--- Extracted records Enclosed Below ---

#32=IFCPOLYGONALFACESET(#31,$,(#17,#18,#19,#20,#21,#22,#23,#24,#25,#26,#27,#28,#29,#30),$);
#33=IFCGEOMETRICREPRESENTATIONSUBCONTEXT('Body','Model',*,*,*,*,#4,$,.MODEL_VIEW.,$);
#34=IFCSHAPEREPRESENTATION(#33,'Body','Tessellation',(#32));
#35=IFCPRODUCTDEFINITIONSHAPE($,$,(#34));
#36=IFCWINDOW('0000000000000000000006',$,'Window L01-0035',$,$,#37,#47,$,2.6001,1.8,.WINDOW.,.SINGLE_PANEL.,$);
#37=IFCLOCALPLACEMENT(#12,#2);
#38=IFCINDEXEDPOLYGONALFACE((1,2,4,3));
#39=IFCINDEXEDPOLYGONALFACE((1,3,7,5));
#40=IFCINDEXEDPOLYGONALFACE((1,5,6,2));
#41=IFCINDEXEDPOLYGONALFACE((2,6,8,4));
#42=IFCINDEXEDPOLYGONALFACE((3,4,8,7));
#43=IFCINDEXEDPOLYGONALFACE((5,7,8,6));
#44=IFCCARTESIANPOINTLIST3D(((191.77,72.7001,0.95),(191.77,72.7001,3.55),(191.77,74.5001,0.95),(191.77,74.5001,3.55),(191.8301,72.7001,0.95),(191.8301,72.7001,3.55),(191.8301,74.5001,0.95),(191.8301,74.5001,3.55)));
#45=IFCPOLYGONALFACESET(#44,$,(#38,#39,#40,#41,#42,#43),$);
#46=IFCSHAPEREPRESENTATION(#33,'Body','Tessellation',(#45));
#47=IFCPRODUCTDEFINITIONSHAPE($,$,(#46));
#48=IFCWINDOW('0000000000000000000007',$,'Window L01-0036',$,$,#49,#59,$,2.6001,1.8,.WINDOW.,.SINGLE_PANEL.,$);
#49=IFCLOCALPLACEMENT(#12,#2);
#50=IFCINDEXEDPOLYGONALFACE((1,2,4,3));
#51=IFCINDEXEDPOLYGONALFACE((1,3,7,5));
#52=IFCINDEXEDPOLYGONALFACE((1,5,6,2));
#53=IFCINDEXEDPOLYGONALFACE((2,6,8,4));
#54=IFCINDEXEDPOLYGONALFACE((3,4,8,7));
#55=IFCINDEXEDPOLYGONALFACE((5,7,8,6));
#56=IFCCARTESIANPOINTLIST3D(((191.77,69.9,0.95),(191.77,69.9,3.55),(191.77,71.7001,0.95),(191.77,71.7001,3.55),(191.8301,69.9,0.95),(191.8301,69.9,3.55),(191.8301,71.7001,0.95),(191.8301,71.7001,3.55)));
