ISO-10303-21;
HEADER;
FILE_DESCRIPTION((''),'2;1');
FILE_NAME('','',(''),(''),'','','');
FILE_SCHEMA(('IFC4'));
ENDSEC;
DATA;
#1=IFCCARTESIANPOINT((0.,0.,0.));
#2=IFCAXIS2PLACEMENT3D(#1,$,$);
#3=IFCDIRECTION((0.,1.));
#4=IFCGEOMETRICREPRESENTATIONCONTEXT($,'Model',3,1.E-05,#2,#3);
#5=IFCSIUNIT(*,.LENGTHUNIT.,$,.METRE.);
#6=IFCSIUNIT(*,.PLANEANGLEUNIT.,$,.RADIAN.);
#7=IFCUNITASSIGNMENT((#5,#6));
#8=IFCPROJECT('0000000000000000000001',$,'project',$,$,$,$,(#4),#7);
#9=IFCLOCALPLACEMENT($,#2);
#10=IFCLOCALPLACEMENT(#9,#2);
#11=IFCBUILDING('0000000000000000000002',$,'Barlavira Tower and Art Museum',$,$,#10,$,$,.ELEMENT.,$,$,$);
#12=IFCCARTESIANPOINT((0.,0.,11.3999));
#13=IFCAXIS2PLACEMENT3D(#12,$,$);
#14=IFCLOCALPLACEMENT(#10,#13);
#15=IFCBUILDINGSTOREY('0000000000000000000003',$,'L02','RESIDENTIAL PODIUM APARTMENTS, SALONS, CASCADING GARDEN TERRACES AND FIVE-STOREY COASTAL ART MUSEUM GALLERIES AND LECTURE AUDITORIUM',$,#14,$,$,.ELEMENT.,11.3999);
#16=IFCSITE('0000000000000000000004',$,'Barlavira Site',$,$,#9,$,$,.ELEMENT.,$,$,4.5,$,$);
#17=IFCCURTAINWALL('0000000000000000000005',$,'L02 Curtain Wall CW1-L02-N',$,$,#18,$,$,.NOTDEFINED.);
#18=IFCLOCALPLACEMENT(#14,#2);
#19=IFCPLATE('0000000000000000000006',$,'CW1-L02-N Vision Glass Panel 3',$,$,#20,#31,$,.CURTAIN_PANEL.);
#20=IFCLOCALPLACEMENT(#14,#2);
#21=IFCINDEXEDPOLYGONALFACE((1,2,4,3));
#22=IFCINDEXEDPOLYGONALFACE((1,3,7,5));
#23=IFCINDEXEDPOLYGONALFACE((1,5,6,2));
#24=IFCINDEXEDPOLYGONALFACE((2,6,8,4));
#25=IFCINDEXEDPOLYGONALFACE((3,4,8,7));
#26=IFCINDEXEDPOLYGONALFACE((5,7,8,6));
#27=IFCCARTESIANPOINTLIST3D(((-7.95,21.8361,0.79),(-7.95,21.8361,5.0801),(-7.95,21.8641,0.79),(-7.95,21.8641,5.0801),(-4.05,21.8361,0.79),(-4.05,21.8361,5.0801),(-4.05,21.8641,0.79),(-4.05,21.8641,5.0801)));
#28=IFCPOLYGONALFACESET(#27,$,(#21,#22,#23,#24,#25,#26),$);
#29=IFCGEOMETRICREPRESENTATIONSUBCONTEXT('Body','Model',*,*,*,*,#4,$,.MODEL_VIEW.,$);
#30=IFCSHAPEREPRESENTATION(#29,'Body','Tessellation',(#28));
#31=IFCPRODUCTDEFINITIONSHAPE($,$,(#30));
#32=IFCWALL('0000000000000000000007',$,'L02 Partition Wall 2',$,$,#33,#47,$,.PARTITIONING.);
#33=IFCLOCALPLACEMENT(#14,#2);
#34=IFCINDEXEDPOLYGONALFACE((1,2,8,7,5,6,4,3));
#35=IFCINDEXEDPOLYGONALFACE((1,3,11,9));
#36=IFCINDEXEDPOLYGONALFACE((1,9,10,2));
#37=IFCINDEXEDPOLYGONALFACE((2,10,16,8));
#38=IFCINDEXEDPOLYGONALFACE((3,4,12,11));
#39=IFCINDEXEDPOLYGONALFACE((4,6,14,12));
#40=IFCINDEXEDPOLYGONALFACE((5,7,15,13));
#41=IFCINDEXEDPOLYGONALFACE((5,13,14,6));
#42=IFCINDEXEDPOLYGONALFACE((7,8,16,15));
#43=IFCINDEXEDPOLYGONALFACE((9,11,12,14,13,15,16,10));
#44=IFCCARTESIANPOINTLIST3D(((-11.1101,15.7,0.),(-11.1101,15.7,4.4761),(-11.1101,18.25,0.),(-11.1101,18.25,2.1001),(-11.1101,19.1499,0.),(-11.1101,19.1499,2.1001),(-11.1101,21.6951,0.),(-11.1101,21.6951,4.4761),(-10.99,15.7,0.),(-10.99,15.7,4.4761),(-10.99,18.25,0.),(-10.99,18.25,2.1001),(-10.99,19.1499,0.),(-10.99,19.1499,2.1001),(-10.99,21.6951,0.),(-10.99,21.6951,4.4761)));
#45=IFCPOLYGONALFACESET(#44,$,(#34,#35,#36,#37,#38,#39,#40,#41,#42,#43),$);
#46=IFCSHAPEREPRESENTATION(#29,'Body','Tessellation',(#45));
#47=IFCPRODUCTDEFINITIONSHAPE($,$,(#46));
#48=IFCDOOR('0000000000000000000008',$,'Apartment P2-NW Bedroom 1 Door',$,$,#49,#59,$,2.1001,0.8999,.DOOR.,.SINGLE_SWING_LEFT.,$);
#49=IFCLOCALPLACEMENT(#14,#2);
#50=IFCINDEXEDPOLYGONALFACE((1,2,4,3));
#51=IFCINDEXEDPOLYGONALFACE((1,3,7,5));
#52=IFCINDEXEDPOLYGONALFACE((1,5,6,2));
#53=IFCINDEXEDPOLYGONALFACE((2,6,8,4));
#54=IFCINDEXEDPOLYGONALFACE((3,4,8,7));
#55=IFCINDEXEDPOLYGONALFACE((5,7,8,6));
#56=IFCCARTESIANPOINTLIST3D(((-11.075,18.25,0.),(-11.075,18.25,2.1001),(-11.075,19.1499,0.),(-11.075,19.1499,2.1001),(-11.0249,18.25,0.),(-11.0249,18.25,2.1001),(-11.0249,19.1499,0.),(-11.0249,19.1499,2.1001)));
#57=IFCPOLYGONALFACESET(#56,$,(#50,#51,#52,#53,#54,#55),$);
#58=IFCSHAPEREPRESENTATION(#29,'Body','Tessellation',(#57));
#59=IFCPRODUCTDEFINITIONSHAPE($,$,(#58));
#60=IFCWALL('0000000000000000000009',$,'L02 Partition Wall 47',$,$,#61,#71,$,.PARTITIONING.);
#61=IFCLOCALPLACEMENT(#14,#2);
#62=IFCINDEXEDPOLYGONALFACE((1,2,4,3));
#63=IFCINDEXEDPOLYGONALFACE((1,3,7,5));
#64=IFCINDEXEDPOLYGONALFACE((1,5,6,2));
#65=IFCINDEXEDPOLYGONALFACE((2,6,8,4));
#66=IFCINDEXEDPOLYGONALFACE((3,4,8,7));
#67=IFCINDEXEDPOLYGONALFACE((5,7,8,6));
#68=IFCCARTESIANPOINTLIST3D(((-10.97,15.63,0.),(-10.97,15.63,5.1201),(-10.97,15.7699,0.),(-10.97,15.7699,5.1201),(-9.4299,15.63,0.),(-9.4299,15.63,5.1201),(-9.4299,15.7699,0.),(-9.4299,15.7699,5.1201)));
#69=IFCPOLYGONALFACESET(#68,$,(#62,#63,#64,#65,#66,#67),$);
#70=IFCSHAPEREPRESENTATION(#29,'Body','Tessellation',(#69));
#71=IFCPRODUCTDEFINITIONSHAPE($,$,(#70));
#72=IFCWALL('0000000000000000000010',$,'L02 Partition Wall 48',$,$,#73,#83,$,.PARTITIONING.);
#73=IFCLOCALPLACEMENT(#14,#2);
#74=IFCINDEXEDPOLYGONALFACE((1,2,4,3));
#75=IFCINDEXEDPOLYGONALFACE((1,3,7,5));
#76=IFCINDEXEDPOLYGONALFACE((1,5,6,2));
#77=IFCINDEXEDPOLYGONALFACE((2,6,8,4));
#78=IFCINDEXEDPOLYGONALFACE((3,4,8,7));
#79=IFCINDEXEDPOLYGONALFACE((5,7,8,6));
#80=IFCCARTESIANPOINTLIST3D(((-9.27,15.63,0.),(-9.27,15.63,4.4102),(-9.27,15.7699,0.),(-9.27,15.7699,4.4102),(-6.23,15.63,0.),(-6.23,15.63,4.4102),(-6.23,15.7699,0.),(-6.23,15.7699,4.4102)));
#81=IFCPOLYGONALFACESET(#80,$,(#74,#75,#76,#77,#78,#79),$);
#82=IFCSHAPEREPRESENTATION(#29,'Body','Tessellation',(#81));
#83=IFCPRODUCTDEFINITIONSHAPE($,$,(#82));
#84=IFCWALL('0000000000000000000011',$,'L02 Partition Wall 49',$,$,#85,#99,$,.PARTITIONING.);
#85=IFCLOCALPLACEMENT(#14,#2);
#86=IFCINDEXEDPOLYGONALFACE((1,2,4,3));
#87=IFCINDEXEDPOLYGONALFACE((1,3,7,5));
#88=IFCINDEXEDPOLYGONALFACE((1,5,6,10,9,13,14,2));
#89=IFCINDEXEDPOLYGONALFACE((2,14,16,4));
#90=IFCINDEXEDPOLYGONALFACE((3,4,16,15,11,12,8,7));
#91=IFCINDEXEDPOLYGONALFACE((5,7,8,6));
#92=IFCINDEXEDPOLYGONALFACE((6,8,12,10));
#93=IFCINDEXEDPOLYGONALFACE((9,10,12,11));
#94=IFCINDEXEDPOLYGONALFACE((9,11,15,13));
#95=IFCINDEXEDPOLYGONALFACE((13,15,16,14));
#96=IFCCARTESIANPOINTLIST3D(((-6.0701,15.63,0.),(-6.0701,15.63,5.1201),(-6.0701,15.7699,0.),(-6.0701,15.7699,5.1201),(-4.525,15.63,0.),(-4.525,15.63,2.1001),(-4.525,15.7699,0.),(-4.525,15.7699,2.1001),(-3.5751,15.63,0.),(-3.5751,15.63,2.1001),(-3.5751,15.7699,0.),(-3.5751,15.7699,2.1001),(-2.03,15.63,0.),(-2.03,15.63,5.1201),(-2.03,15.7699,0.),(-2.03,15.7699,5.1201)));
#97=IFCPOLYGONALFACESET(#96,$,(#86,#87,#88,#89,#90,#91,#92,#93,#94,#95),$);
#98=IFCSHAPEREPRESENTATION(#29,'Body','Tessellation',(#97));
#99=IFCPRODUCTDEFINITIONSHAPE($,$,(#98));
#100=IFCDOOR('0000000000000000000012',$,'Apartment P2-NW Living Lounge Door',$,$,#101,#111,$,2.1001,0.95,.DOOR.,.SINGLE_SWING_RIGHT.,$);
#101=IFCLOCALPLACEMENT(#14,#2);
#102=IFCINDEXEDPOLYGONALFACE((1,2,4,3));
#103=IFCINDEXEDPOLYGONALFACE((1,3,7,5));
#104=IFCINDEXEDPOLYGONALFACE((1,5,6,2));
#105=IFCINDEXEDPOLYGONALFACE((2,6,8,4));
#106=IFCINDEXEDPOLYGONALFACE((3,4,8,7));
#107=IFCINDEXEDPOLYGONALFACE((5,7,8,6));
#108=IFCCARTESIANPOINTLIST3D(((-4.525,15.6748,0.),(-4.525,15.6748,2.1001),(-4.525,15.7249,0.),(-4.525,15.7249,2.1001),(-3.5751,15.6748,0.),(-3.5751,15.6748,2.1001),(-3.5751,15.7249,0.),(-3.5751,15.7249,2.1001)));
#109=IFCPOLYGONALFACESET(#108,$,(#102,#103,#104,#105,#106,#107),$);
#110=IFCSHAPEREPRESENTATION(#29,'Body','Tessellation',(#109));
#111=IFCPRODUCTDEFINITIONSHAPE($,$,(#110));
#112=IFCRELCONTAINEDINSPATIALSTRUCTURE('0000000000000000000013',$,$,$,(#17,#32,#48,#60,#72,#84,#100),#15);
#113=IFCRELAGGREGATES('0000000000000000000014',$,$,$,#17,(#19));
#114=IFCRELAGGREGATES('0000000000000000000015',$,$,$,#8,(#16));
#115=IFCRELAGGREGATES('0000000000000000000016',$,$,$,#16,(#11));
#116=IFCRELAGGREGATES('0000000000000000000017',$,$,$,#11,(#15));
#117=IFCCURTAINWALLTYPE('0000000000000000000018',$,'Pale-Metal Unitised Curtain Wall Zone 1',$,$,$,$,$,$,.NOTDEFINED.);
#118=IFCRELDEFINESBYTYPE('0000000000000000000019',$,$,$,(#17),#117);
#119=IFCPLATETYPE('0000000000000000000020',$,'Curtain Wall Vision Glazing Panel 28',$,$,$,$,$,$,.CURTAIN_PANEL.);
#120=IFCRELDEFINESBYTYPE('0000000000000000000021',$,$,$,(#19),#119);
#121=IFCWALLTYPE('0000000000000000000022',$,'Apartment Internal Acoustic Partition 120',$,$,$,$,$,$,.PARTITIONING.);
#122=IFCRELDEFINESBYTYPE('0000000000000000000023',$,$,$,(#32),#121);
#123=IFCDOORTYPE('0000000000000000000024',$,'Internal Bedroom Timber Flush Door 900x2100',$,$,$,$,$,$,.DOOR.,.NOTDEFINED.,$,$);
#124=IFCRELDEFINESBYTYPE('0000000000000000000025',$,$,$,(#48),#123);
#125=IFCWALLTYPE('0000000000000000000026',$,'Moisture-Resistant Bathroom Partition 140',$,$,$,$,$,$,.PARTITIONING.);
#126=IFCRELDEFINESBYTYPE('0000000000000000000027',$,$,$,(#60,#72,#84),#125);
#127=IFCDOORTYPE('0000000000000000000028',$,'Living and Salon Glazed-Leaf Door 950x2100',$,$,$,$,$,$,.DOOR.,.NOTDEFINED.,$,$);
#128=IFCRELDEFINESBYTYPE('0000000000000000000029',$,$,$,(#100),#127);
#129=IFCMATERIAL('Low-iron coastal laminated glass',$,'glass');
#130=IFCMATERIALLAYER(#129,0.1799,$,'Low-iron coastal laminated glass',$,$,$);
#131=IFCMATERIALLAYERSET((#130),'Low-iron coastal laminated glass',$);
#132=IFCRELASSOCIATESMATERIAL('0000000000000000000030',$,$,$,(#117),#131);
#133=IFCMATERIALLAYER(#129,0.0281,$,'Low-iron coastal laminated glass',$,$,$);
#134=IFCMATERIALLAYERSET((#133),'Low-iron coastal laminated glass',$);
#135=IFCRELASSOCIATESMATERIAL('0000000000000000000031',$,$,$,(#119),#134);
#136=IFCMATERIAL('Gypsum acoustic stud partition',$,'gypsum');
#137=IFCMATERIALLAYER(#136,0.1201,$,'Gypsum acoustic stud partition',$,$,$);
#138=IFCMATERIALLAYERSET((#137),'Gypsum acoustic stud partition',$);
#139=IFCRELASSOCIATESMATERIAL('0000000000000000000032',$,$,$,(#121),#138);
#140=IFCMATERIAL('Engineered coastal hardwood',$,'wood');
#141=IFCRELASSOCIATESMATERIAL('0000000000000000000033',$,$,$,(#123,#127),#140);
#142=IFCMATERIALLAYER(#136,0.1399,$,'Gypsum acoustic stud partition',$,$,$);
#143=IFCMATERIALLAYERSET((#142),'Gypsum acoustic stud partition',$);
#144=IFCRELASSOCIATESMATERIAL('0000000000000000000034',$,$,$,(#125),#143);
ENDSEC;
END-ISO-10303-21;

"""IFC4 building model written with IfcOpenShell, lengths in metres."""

from ifc_helpers import new_model, si_unit, direction, frame, frame_2d, origin, origin_2d, place, context, subcontext, project, spatial, rectangle, extrude, material, layer, layer_set, type_object, element, fill, aggregate, save


model = new_model("IFC4")

# Units and contexts
model_context = context("Model", 3, precision=1e-05, world=origin(), true_north=direction((0.0, 1.0)))
body_context = subcontext(model_context, "Body", "Model", "MODEL_VIEW")
ifc_project = project(units=[si_unit("LENGTHUNIT", "METRE"), si_unit("PLANEANGLEUNIT", "RADIAN")], contexts=[model_context])

# Site, building, storey
site_placement = place(None, origin())
site = spatial("IfcSite", under=ifc_project, at=site_placement, Name="Barlavira Site", CompositionType="ELEMENT", RefElevation=4.5)
building_placement = place(site_placement, origin())
building = spatial("IfcBuilding", under=site, at=building_placement, Name="Barlavira Tower and Art Museum", CompositionType="ELEMENT")
storey_placement = place(building_placement, frame((0.0, 0.0, 11.3999)))
storey = spatial("IfcBuildingStorey", under=building, at=storey_placement, Name="L02", Description="RESIDENTIAL PODIUM APARTMENTS, SALONS, CASCADING GARDEN TERRACES AND FIVE-STOREY COASTAL ART MUSEUM GALLERIES AND LECTURE AUDITORIUM", CompositionType="ELEMENT", Elevation=11.3999)

# Curtain wall
ifc_material_1 = material(Name="Low-iron coastal laminated glass", Category="glass")
ifc_layer_1 = layer(ifc_material_1, 0.1799, Name="Low-iron coastal laminated glass")
ifc_layer_set_1 = layer_set([ifc_layer_1], Name="Low-iron coastal laminated glass")
curtain_wall_type = type_object("IfcCurtainWallType", Name="Pale-Metal Unitised Curtain Wall Zone 1", PredefinedType="NOTDEFINED", material=ifc_layer_set_1)
curtain_wall_placement = place(storey_placement, origin())
curtain_wall = element("IfcCurtainWall", 1, at=curtain_wall_placement, inside=storey, type_object=curtain_wall_type, Name="L02 Curtain Wall CW1-L02-N", PredefinedType="NOTDEFINED")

--- End of Enclosed Extracted records ---

### Assignment
I'd like an exact copy of the lines above, from the very first one through the line that contains "#46=IFCSHAPEREPRESENTATION(#33,'Body','Tessellation',(#45));", with nothing else added.

### Solution to this problem
#32=IFCPOLYGONALFACESET(#31,$,(#17,#18,#19,#20,#21,#22,#23,#24,#25,#26,#27,#28,#29,#30),$);
#33=IFCGEOMETRICREPRESENTATIONSUBCONTEXT('Body','Model',*,*,*,*,#4,$,.MODEL_VIEW.,$);
#34=IFCSHAPEREPRESENTATION(#33,'Body','Tessellation',(#32));
#35=IFCPRODUCTDEFINITIONSHAPE($,$,(#34));
#36=IFCWINDOW('0000000000000000000006',$,'Window L01-0035',$,$,#37,#47,$,2.6001,1.8,.WINDOW.,.SINGLE_PANEL.,$);
#37=IFCLOCALPLACEMENT(#12,#2);
#38=IFCINDEXEDPOLYGONALFACE((1,2,4,3));
#39=IFCINDEXEDPOLYGONALFACE((1,3,7,5));
#40=IFCINDEXEDPOLYGONALFACE((1,5,6,2));
#41=IFCINDEXEDPOLYGONALFACE((2,6,8,4));
#42=IFCINDEXEDPOLYGONALFACE((3,4,8,7));
#43=IFCINDEXEDPOLYGONALFACE((5,7,8,6));
#44=IFCCARTESIANPOINTLIST3D(((191.77,72.7001,0.95),(191.77,72.7001,3.55),(191.77,74.5001,0.95),(191.77,74.5001,3.55),(191.8301,72.7001,0.95),(191.8301,72.7001,3.55),(191.8301,74.5001,0.95),(191.8301,74.5001,3.55)));
#45=IFCPOLYGONALFACESET(#44,$,(#38,#39,#40,#41,#42,#43),$);
#46=IFCSHAPEREPRESENTATION(#33,'Body','Tessellation',(#45));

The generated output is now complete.